[Collected data entries]
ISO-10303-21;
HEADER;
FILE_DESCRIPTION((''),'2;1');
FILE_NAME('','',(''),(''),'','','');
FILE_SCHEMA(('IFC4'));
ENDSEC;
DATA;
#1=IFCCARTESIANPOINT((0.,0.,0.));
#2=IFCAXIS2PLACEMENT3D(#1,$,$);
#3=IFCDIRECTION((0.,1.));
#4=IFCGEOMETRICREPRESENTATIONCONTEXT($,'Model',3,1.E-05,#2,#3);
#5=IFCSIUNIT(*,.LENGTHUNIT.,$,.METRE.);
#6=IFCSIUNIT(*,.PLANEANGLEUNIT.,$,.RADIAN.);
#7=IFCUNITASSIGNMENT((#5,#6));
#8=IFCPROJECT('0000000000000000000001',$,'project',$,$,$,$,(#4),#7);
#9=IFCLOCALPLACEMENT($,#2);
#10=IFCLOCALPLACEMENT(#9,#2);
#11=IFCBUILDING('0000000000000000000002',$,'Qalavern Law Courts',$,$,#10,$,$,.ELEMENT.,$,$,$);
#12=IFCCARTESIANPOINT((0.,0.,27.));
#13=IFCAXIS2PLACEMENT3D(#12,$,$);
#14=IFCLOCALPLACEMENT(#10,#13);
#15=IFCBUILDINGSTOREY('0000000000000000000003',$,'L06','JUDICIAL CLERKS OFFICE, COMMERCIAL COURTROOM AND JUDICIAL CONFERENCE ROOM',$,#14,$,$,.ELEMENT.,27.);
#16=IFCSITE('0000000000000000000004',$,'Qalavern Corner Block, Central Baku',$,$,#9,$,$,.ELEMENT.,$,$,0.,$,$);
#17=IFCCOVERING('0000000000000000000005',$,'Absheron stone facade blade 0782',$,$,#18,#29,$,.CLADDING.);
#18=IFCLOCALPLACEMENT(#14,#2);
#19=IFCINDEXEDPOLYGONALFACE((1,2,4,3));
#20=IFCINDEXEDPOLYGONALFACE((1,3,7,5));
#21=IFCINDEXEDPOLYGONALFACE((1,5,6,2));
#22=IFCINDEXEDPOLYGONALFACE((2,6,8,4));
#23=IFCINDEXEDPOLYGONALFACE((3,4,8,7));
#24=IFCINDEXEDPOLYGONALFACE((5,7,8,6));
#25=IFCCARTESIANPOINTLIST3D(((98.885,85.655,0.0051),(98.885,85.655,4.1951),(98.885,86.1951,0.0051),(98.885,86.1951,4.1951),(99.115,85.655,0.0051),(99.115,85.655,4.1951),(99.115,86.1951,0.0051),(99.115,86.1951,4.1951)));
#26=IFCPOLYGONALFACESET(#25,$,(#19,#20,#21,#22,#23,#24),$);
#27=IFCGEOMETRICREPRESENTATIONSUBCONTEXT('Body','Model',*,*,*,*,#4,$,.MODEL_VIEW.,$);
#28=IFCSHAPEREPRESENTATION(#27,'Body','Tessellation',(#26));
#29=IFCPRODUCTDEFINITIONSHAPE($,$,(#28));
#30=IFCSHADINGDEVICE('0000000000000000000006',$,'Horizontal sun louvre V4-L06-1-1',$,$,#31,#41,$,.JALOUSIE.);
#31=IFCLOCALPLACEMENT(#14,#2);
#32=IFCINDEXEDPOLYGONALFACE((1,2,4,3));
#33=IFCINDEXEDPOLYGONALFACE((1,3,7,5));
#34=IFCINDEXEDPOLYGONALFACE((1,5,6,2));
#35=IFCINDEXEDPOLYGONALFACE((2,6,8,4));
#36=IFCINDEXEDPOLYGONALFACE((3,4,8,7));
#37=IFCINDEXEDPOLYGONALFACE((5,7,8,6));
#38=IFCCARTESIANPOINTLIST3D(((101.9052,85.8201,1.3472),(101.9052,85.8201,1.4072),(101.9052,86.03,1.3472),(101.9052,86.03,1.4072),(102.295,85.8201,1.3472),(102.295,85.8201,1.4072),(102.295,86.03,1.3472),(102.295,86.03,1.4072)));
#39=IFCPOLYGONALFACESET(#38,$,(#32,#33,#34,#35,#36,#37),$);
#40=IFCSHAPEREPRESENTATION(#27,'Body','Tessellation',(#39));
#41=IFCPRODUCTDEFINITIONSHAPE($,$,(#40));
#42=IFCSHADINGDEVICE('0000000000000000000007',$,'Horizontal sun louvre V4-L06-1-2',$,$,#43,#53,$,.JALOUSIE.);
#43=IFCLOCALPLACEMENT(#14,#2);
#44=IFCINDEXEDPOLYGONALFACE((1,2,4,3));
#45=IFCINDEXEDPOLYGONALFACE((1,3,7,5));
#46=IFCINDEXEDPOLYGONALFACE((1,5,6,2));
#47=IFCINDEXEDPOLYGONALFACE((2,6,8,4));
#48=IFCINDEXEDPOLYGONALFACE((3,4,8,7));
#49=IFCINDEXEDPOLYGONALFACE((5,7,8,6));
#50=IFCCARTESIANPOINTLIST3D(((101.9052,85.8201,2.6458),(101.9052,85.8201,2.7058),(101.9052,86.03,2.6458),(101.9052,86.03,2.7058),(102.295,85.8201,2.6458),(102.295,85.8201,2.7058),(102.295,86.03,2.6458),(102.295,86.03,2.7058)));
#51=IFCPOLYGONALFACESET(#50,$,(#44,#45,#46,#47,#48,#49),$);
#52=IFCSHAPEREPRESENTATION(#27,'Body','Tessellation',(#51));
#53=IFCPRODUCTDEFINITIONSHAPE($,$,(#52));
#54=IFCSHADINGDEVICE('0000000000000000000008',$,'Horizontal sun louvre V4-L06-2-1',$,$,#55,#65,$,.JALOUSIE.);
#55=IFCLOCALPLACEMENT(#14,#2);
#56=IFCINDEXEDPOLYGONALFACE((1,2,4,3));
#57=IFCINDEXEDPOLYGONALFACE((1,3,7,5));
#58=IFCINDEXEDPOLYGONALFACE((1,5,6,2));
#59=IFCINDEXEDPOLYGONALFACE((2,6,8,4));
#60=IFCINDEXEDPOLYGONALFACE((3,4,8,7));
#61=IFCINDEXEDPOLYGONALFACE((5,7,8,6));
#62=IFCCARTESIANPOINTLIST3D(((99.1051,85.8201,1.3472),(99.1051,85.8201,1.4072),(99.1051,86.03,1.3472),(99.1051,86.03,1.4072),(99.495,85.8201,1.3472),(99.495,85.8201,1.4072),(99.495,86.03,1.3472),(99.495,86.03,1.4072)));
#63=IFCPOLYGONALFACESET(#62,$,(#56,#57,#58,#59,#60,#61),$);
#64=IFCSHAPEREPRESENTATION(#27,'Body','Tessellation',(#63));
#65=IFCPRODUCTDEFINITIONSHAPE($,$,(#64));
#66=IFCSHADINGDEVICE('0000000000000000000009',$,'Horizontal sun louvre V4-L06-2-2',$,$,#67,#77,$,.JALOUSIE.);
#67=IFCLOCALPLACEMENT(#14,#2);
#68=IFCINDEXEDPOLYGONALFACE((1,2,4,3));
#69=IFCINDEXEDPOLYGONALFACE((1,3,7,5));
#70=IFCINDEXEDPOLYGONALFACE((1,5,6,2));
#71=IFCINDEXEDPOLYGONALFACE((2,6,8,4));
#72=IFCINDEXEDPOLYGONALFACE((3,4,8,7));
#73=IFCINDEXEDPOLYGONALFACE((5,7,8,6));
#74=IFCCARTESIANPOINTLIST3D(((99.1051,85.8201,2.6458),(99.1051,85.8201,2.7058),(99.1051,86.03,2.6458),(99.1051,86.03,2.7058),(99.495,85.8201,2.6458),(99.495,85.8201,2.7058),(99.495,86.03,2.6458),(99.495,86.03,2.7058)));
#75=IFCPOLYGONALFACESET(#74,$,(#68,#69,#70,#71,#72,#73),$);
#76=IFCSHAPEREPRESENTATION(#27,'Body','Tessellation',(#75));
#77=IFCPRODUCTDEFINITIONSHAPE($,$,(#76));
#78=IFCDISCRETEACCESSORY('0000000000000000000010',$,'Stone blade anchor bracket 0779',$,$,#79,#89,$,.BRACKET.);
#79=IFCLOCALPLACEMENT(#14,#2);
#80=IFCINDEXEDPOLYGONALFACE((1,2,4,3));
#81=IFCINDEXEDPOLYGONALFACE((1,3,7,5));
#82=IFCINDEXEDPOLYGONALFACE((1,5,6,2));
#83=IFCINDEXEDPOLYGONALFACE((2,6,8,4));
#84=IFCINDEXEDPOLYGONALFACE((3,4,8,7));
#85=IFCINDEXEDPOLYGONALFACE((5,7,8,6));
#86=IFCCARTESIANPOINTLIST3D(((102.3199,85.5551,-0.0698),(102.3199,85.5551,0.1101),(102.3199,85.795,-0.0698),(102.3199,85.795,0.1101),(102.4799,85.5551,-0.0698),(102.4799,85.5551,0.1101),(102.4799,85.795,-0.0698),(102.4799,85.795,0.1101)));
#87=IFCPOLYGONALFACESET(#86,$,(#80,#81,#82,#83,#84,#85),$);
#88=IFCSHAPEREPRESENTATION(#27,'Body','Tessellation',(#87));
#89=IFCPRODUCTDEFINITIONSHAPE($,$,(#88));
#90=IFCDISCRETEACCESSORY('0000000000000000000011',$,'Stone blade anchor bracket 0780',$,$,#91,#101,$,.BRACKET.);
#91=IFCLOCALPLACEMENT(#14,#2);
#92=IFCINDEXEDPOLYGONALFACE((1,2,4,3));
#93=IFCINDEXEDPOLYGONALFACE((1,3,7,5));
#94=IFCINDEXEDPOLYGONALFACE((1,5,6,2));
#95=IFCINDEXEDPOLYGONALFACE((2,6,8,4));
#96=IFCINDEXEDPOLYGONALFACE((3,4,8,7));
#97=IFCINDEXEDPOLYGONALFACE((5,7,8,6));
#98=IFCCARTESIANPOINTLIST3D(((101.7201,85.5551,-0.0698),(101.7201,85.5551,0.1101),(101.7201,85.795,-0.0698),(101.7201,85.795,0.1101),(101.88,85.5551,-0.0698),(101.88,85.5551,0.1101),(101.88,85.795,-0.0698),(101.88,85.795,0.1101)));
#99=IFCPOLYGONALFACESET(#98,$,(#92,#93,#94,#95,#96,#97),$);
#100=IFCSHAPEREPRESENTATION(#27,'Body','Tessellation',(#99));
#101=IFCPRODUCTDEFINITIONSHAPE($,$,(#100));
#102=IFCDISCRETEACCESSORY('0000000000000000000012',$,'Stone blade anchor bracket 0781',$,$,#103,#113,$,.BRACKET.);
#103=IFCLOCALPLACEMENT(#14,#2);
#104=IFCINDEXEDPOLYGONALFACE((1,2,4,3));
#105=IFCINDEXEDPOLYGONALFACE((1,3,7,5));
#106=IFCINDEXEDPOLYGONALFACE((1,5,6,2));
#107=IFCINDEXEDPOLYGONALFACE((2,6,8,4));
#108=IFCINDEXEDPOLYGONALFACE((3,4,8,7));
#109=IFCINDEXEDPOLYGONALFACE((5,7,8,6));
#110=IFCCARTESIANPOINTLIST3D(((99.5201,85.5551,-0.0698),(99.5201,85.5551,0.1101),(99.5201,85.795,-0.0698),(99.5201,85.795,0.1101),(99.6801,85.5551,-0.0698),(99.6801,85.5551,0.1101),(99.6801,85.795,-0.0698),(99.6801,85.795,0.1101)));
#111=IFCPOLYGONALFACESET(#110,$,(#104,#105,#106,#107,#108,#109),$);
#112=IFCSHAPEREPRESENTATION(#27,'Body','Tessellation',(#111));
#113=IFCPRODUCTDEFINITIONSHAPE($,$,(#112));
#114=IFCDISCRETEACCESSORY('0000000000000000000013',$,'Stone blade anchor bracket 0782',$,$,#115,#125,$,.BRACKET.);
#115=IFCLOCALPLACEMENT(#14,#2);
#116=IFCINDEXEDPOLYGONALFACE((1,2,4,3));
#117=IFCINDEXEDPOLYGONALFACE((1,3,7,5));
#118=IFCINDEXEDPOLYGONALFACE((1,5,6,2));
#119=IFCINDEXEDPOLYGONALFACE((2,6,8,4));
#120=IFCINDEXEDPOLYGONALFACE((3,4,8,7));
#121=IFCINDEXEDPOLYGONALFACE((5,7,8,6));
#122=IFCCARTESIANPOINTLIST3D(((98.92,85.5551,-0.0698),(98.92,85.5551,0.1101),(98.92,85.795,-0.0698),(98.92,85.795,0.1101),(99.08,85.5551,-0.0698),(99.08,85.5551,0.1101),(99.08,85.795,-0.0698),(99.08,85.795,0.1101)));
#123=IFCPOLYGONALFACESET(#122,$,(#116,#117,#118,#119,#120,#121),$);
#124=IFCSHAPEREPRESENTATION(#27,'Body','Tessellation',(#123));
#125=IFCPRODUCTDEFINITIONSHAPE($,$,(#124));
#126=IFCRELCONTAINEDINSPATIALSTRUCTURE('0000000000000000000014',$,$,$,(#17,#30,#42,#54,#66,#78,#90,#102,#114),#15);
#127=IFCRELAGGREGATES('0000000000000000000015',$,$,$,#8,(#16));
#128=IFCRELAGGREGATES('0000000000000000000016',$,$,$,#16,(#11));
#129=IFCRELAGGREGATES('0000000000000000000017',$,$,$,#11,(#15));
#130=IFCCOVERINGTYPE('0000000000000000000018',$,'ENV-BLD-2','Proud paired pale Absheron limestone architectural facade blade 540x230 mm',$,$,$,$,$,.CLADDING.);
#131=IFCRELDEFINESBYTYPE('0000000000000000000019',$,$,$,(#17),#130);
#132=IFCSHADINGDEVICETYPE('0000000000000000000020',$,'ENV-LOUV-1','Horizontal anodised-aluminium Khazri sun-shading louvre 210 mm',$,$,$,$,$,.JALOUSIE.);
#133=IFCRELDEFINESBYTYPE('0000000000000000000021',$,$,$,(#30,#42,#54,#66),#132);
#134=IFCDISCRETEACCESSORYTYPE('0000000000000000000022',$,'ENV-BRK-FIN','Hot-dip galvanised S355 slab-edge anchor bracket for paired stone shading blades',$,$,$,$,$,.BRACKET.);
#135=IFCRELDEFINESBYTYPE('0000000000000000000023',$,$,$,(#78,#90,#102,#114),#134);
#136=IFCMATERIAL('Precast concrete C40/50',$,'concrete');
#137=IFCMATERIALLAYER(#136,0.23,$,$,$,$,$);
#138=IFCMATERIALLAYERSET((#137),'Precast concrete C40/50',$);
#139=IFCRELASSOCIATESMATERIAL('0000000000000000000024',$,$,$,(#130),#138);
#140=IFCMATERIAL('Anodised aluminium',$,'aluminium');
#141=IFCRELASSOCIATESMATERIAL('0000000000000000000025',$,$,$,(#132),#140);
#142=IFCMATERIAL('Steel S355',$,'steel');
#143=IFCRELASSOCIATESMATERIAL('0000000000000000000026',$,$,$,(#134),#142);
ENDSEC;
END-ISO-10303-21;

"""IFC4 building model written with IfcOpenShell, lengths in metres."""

from ifc_helpers import new_model, si_unit, direction, frame, origin, origin_2d, place, context, subcontext, project, spatial, rectangle, extrude, material, layer, layer_set, type_object, element, save


model = new_model("IFC4")

# Units and contexts
model_context = context("Model", 3, precision=1e-05, world=origin(), true_north=direction((0.0, 1.0)))
body_context = subcontext(model_context, "Body", "Model", "MODEL_VIEW")
ifc_project = project(units=[si_unit("LENGTHUNIT", "METRE"), si_unit("PLANEANGLEUNIT", "RADIAN")], contexts=[model_context])

# Site, building, storey
site_placement = place(None, origin())
site = spatial("IfcSite", under=ifc_project, at=site_placement, Name="Qalavern Corner Block, Central Baku", CompositionType="ELEMENT", RefElevation=0.0)
building_placement = place(site_placement, origin())
building = spatial("IfcBuilding", under=site, at=building_placement, Name="Qalavern Law Courts", CompositionType="ELEMENT")
storey_placement = place(building_placement, frame((0.0, 0.0, 27.0)))
storey = spatial("IfcBuildingStorey", under=building, at=storey_placement, Name="L06", Description="JUDICIAL CLERKS OFFICE, COMMERCIAL COURTROOM AND JUDICIAL CONFERENCE ROOM", CompositionType="ELEMENT", Elevation=27.0)

# Shared definitions
ifc_material_1 = material(Name="Anodised aluminium", Category="aluminium")

# Covering
ifc_material_2 = material(Name="Precast concrete C40/50", Category="concrete")
ifc_layer_1 = layer(ifc_material_2, 0.23)
ifc_layer_set_1 = layer_set([ifc_layer_1], Name="Precast concrete C40/50")
covering_type = type_object("IfcCoveringType", Name="ENV-BLD-2", Description="Proud paired pale Absheron limestone architectural facade blade 540x230 mm", PredefinedType="CLADDING", material=ifc_layer_set_1)
for number, where, z_axis, x_axis, name in (
    (1, (99.0, 85.925, 0.0051), (0.0, 0.0, 1.0), (0.0, 1.0, 0.0), "Absheron stone facade blade 0782"),
):
    element("IfcCovering", number, at=place(storey_placement, frame(where, z_axis=z_axis, x_axis=x_axis)), inside=storey, type_object=covering_type, Name=name, PredefinedType="CLADDING", context=body_context, shape_type="SweptSolid", body=[
        extrude(rectangle(XDim=0.54, YDim=0.23, at=origin_2d()), origin(), (0.0, 0.0, 1.0), 4.1899),
    ])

**What is required**
Go through the entries above and copy out every line that includes the word "IFCRELAGGREGATES".

**Written response**
#127=IFCRELAGGREGATES('0000000000000000000015',$,$,$,#8,(#16));
#128=IFCRELAGGREGATES('0000000000000000000016',$,$,$,#16,(#11));
#129=IFCRELAGGREGATES('0000000000000000000017',$,$,$,#11,(#15));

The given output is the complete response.